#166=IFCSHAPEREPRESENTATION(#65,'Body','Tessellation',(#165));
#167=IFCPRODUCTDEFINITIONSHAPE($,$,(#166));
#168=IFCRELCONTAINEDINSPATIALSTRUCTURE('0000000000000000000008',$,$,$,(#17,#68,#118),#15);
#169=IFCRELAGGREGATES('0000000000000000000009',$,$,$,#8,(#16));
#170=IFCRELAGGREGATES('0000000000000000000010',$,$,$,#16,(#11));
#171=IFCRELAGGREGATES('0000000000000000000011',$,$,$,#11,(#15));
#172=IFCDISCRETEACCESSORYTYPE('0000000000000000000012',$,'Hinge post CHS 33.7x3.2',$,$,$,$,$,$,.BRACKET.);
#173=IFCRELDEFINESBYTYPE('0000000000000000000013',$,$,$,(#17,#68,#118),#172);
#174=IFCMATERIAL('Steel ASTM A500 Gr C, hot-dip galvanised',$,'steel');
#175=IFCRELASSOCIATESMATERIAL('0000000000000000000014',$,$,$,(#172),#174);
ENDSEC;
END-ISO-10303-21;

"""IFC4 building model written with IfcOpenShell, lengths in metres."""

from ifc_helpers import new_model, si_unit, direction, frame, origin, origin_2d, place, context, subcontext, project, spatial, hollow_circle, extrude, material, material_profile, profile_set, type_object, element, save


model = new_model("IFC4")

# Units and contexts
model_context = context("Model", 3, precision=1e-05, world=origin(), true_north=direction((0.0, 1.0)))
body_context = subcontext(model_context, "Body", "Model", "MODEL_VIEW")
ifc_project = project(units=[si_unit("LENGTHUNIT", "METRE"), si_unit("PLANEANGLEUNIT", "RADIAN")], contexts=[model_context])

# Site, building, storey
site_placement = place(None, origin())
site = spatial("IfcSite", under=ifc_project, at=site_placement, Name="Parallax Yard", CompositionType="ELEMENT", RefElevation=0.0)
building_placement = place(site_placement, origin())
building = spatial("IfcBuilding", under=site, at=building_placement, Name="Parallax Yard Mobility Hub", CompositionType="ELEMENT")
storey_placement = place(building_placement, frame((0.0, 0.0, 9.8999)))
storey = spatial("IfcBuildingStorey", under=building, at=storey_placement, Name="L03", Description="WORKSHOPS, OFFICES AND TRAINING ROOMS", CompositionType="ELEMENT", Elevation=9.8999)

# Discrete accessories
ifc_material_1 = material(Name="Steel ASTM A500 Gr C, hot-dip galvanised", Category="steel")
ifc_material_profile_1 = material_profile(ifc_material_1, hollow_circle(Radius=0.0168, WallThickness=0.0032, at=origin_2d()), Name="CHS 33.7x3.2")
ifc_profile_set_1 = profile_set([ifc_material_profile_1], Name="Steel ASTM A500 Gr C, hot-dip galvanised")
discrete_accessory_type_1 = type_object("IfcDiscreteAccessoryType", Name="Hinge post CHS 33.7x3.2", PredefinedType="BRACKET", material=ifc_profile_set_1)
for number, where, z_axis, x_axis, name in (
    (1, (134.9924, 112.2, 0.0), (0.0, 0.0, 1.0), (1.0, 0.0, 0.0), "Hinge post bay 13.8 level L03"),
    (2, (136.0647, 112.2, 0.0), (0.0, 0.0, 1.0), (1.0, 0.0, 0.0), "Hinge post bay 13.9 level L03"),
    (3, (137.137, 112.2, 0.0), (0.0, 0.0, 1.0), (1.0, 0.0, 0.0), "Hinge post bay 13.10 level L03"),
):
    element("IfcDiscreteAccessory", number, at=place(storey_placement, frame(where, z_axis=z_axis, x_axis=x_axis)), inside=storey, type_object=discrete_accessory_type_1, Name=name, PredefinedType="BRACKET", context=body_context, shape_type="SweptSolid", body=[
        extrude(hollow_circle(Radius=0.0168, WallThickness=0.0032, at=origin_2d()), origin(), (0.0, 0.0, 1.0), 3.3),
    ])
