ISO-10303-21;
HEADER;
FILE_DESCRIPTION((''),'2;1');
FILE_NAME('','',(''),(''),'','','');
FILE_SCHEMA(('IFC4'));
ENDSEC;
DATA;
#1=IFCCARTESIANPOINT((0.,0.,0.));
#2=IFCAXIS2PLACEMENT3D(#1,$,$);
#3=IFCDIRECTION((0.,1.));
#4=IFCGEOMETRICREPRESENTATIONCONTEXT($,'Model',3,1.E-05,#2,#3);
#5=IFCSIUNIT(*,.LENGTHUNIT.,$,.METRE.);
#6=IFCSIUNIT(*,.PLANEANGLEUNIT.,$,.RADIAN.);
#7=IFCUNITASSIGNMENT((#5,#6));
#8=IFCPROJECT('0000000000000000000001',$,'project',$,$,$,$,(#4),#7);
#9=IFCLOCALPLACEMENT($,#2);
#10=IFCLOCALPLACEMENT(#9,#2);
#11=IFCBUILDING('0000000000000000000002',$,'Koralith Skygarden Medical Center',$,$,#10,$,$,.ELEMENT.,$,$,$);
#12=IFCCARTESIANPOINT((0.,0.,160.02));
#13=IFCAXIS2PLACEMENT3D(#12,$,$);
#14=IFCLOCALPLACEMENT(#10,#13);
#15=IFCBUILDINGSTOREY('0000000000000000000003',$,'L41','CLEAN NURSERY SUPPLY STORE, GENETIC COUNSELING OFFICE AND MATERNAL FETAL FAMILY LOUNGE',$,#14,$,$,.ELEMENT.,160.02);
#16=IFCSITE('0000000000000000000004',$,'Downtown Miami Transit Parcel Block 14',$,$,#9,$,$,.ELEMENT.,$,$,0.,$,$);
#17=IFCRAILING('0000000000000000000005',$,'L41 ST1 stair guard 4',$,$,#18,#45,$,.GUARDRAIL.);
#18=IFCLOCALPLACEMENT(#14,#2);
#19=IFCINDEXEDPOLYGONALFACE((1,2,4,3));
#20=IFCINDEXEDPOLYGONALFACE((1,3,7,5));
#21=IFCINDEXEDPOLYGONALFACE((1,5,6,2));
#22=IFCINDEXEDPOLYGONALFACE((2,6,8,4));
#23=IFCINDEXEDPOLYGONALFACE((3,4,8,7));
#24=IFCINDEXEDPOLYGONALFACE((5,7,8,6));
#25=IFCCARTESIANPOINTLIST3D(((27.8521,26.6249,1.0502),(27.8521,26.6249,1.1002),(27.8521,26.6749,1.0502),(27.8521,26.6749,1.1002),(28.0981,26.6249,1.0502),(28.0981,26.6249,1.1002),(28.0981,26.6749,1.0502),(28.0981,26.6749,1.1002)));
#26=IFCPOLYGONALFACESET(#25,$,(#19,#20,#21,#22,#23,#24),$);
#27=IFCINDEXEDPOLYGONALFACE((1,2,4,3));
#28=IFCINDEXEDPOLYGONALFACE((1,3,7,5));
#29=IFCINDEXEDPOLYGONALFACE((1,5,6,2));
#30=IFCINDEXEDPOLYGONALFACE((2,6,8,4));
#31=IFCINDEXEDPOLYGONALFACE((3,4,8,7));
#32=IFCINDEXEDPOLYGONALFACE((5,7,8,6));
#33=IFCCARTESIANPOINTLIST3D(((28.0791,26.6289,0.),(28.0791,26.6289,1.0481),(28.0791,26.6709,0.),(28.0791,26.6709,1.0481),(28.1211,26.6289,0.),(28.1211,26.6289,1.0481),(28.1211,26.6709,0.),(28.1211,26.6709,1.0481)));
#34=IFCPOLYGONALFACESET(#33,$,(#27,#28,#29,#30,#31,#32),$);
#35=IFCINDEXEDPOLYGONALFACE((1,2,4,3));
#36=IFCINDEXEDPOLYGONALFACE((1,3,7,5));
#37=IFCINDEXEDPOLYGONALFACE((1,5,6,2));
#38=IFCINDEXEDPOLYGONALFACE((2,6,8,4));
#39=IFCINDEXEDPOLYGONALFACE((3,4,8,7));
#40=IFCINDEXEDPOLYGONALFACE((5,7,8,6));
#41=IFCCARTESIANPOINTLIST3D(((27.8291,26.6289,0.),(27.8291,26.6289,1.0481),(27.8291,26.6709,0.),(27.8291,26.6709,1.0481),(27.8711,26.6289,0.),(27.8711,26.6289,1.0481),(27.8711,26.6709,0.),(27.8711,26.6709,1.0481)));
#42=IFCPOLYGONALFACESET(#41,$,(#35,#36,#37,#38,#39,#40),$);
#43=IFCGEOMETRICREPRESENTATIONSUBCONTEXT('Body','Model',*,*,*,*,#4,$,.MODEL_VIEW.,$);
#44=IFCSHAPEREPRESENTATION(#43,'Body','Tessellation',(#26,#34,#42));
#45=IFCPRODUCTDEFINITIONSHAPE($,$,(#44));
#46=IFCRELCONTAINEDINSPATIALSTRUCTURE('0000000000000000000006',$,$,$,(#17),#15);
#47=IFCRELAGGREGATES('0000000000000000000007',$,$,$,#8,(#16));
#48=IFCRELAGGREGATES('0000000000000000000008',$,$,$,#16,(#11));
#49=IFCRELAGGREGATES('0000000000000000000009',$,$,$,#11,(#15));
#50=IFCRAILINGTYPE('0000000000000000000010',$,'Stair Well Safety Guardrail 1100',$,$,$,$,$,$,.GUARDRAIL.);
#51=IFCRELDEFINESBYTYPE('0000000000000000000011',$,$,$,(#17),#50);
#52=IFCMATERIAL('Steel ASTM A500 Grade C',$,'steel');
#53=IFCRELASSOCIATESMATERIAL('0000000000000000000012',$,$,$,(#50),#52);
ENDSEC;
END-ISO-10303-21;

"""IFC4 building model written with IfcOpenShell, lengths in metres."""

from ifc_helpers import new_model, si_unit, direction, frame, origin, origin_2d, place, context, subcontext, project, spatial, rectangle, extrude, material, type_object, element, save


model = new_model("IFC4")

# Units and contexts
model_context = context("Model", 3, precision=1e-05, world=origin(), true_north=direction((0.0, 1.0)))
body_context = subcontext(model_context, "Body", "Model", "MODEL_VIEW")
ifc_project = project(units=[si_unit("LENGTHUNIT", "METRE"), si_unit("PLANEANGLEUNIT", "RADIAN")], contexts=[model_context])

# Site, building, storey
site_placement = place(None, origin())
site = spatial("IfcSite", under=ifc_project, at=site_placement, Name="Downtown Miami Transit Parcel Block 14", CompositionType="ELEMENT", RefElevation=0.0)
building_placement = place(site_placement, origin())
building = spatial("IfcBuilding", under=site, at=building_placement, Name="Koralith Skygarden Medical Center", CompositionType="ELEMENT")
storey_placement = place(building_placement, frame((0.0, 0.0, 160.02)))
storey = spatial("IfcBuildingStorey", under=building, at=storey_placement, Name="L41", Description="CLEAN NURSERY SUPPLY STORE, GENETIC COUNSELING OFFICE AND MATERNAL FETAL FAMILY LOUNGE", CompositionType="ELEMENT", Elevation=160.02)

# Shared definitions
ifc_material_1 = material(Name="Steel ASTM A500 Grade C", Category="steel")

# Railing
railing_type = type_object("IfcRailingType", Name="Stair Well Safety Guardrail 1100", PredefinedType="GUARDRAIL", material=ifc_material_1)
railing_placement = place(storey_placement, frame((28.1001, 26.6499, 0.0)))
element("IfcRailing", 1, at=railing_placement, inside=storey, type_object=railing_type, Name="L41 ST1 stair guard 4", PredefinedType="GUARDRAIL", context=body_context, shape_type="SweptSolid", body=[
    extrude(rectangle(XDim=0.05, YDim=0.05, at=origin_2d()), frame((-0.002, 0.0, 1.0752), z_axis=(-1.0, 0.0, 0.0), x_axis=(0.0, -1.0, 0.0)), (0.0, 0.0, 1.0), 0.2461),
    extrude(rectangle(XDim=0.042, YDim=0.042, at=origin_2d()), origin(), (0.0, 0.0, 1.0), 1.0481),
    extrude(rectangle(XDim=0.042, YDim=0.042, at=origin_2d()), frame((-0.25, 0.0, 0.0)), (0.0, 0.0, 1.0), 1.0481),
])

save(model, "model.ifc")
========================
__Your objective__
The expected answer is an exact copy of the lines above, beginning at the line with "Skygarden Medical Center',$,$,#10,$,$,.ELEMENT.,$,$,$);" and ending at the line with "FETAL FAMILY LOUNGE',$,#14,$,$,.ELEMENT.,160.02);", with both ends in.

__Answer section__
#11=IFCBUILDING('0000000000000000000002',$,'Koralith Skygarden Medical Center',$,$,#10,$,$,.ELEMENT.,$,$,$);
#12=IFCCARTESIANPOINT((0.,0.,160.02));
#13=IFCAXIS2PLACEMENT3D(#12,$,$);
#14=IFCLOCALPLACEMENT(#10,#13);
#15=IFCBUILDINGSTOREY('0000000000000000000003',$,'L41','CLEAN NURSERY SUPPLY STORE, GENETIC COUNSELING OFFICE AND MATERNAL FETAL FAMILY LOUNGE',$,#14,$,$,.ELEMENT.,160.02);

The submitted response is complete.